■ **TASK STATEMENT**:
Looking at the listing below, retype exactly the lines starting at the one containing "#69=IFCINDEXEDPOLYGONALFACE((3,39,40,4));" and ending at the one containing "#74=IFCINDEXEDPOLYGONALFACE((8,10,46,44));", both included, and nothing else.

■ **DATA SUPPLIED**:
·····

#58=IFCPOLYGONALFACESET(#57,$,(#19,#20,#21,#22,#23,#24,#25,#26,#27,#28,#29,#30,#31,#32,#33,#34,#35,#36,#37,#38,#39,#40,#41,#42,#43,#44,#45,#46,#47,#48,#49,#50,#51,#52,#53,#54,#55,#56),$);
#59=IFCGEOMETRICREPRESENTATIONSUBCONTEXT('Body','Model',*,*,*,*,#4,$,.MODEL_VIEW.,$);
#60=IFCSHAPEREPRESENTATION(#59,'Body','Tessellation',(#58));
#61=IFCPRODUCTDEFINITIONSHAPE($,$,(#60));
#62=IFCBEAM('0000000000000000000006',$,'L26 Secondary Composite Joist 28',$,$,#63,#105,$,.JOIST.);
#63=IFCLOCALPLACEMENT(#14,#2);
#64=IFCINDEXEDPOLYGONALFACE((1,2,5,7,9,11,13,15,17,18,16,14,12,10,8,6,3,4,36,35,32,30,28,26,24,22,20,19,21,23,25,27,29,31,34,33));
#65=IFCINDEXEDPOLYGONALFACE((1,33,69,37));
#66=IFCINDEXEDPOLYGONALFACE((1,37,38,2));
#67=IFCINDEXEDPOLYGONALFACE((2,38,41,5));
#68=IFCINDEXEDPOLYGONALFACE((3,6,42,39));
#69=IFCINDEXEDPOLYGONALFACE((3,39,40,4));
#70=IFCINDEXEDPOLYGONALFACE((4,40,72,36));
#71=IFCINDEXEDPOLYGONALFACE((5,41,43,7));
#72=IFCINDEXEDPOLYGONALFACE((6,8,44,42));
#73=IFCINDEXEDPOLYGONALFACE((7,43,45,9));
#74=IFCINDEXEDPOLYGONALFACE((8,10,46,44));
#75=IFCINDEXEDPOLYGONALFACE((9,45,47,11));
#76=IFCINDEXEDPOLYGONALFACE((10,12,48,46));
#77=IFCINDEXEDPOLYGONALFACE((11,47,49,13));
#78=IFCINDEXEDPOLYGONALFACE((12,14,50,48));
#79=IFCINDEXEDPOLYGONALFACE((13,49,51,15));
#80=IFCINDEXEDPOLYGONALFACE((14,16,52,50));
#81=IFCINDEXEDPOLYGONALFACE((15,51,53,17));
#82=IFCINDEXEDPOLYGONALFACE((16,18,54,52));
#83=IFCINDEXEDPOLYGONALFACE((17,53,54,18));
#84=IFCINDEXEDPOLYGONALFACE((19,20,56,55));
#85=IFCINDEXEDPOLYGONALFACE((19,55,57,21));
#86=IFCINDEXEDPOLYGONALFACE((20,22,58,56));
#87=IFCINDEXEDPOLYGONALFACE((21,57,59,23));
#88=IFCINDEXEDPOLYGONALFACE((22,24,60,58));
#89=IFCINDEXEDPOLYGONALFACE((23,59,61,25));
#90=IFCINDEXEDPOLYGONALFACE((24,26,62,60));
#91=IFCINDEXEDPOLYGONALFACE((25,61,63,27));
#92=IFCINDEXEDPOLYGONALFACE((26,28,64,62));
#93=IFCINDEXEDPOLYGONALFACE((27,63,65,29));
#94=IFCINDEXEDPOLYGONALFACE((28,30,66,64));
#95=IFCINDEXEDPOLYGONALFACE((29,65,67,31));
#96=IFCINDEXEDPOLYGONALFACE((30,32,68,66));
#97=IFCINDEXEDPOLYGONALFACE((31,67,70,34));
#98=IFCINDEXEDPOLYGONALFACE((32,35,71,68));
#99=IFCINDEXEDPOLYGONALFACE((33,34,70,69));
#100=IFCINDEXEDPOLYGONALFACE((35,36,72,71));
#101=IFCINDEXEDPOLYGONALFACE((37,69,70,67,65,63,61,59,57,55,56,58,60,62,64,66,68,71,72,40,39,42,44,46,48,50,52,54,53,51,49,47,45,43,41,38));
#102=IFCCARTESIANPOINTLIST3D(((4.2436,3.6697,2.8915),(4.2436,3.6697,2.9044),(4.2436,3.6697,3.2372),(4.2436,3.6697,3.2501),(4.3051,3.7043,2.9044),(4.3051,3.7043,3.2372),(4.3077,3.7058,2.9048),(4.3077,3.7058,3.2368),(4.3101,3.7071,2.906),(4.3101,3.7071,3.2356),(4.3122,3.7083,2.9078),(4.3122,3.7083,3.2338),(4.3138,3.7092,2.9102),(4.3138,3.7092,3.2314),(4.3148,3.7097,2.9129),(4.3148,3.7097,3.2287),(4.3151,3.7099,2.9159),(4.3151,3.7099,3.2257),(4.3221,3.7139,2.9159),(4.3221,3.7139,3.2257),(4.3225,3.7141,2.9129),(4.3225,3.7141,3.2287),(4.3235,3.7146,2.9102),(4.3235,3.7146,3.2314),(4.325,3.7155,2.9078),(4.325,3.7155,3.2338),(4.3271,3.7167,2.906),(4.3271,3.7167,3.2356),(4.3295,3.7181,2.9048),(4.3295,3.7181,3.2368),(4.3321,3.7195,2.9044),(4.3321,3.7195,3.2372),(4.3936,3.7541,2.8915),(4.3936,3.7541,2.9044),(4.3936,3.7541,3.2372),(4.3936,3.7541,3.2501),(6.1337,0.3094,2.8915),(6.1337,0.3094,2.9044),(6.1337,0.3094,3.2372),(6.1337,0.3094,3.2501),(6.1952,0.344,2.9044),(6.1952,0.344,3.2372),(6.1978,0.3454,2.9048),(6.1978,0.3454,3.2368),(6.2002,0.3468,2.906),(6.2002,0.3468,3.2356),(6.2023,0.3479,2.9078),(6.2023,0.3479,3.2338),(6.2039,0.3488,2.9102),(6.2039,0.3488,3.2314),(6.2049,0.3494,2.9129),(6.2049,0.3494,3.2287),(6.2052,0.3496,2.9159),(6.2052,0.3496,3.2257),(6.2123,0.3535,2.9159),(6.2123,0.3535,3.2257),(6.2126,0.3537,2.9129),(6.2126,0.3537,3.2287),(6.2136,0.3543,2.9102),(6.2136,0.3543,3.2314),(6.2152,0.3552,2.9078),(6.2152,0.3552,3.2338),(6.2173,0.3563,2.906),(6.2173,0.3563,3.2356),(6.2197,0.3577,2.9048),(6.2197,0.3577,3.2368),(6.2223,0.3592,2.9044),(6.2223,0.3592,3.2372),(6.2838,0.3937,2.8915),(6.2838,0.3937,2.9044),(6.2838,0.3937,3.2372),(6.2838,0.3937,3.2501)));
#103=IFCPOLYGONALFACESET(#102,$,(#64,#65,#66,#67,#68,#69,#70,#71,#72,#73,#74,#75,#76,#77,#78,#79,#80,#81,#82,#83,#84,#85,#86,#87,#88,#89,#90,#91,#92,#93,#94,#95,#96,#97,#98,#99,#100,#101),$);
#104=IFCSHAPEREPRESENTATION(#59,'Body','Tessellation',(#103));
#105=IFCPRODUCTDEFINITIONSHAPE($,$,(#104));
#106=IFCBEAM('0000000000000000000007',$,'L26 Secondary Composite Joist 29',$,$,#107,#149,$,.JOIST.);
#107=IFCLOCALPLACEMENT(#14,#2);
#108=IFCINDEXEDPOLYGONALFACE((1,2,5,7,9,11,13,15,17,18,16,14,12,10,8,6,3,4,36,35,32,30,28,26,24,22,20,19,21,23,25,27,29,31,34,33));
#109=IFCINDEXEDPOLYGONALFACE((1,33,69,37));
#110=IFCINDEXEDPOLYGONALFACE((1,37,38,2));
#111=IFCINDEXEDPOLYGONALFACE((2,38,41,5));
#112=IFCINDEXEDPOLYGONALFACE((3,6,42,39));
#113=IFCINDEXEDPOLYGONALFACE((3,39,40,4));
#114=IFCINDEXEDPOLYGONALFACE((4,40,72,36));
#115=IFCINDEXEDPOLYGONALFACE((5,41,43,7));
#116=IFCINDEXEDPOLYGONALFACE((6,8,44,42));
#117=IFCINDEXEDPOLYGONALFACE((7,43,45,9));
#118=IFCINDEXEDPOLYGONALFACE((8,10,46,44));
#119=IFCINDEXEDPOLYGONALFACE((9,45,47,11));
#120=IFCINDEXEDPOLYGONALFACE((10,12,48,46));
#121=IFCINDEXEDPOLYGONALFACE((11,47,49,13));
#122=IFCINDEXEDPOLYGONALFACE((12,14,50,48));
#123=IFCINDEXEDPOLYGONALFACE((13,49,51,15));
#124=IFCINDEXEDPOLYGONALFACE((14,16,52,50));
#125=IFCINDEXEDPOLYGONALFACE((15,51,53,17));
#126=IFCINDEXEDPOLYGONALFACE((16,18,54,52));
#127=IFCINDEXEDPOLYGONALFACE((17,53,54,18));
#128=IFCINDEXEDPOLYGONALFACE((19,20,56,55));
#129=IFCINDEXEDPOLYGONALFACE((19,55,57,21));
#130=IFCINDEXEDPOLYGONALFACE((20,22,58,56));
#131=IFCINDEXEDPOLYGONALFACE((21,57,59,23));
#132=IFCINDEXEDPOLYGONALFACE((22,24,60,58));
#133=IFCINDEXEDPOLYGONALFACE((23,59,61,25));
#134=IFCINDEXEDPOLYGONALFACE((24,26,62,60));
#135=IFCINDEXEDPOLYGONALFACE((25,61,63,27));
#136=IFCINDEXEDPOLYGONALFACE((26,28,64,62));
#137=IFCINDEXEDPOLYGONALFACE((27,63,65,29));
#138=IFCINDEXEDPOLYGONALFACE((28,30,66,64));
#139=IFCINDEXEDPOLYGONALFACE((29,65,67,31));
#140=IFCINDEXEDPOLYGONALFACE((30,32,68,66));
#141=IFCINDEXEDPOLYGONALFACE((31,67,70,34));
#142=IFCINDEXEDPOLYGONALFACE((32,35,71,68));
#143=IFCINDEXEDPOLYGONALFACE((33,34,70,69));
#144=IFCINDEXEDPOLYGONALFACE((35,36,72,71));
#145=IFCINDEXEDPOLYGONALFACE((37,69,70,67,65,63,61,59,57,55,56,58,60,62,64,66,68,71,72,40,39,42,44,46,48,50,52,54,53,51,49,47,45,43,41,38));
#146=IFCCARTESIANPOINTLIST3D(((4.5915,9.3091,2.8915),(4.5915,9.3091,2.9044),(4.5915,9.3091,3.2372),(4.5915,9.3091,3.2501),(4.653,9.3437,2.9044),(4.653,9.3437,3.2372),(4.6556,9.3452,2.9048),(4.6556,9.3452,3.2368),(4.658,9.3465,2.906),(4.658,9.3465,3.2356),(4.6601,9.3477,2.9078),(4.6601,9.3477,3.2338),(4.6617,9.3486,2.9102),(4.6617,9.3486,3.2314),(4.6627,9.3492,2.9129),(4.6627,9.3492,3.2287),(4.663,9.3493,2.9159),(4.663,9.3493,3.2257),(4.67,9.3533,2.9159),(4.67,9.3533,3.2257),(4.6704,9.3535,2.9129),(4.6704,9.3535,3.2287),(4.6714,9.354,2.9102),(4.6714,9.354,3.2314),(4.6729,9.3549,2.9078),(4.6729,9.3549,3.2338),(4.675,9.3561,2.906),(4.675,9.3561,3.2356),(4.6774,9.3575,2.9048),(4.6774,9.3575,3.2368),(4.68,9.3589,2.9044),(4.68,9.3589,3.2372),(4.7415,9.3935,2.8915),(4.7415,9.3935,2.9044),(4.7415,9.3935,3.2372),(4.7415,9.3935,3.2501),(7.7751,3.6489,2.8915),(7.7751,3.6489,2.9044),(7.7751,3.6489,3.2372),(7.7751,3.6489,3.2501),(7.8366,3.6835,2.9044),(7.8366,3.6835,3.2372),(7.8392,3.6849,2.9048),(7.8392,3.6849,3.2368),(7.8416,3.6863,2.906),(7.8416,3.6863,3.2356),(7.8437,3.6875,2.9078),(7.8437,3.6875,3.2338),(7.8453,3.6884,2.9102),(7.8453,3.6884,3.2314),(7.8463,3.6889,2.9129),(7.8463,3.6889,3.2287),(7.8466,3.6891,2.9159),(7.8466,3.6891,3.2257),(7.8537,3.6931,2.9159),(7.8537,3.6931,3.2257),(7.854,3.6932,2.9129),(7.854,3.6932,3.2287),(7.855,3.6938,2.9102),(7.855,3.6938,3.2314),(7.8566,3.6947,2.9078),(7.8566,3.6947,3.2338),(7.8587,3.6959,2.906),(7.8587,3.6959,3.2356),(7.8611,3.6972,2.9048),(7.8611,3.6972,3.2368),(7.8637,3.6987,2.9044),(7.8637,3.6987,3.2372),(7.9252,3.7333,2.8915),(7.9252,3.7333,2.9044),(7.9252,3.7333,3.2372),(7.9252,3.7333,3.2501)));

·····

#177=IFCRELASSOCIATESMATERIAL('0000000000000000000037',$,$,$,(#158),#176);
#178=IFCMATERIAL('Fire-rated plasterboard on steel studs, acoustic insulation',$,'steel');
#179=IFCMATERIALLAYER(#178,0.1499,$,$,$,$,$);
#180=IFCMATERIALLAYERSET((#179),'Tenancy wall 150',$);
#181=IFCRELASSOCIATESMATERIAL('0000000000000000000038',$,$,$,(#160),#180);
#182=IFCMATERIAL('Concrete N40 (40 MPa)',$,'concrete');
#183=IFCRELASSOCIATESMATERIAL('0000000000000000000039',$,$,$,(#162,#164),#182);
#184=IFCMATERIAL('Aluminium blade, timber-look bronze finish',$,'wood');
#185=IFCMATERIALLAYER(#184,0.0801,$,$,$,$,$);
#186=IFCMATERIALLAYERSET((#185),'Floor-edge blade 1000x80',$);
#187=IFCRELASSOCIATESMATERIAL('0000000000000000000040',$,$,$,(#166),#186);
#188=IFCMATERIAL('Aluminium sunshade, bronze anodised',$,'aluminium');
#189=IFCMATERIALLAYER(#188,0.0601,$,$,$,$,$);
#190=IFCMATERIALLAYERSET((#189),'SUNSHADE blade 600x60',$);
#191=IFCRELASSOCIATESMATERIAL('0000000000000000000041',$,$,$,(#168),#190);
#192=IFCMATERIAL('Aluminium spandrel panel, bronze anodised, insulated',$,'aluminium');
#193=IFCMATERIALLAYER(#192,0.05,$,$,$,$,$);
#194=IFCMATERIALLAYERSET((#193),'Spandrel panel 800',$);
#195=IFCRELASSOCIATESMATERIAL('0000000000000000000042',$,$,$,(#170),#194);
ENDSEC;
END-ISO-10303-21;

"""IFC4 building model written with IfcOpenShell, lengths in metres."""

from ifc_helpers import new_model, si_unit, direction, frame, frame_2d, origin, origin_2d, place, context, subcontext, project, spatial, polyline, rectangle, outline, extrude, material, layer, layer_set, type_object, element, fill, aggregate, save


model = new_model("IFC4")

·····

■ **ANSWER**:
#69=IFCINDEXEDPOLYGONALFACE((3,39,40,4));
#70=IFCINDEXEDPOLYGONALFACE((4,40,72,36));
#71=IFCINDEXEDPOLYGONALFACE((5,41,43,7));
#72=IFCINDEXEDPOLYGONALFACE((6,8,44,42));
#73=IFCINDEXEDPOLYGONALFACE((7,43,45,9));
#74=IFCINDEXEDPOLYGONALFACE((8,10,46,44));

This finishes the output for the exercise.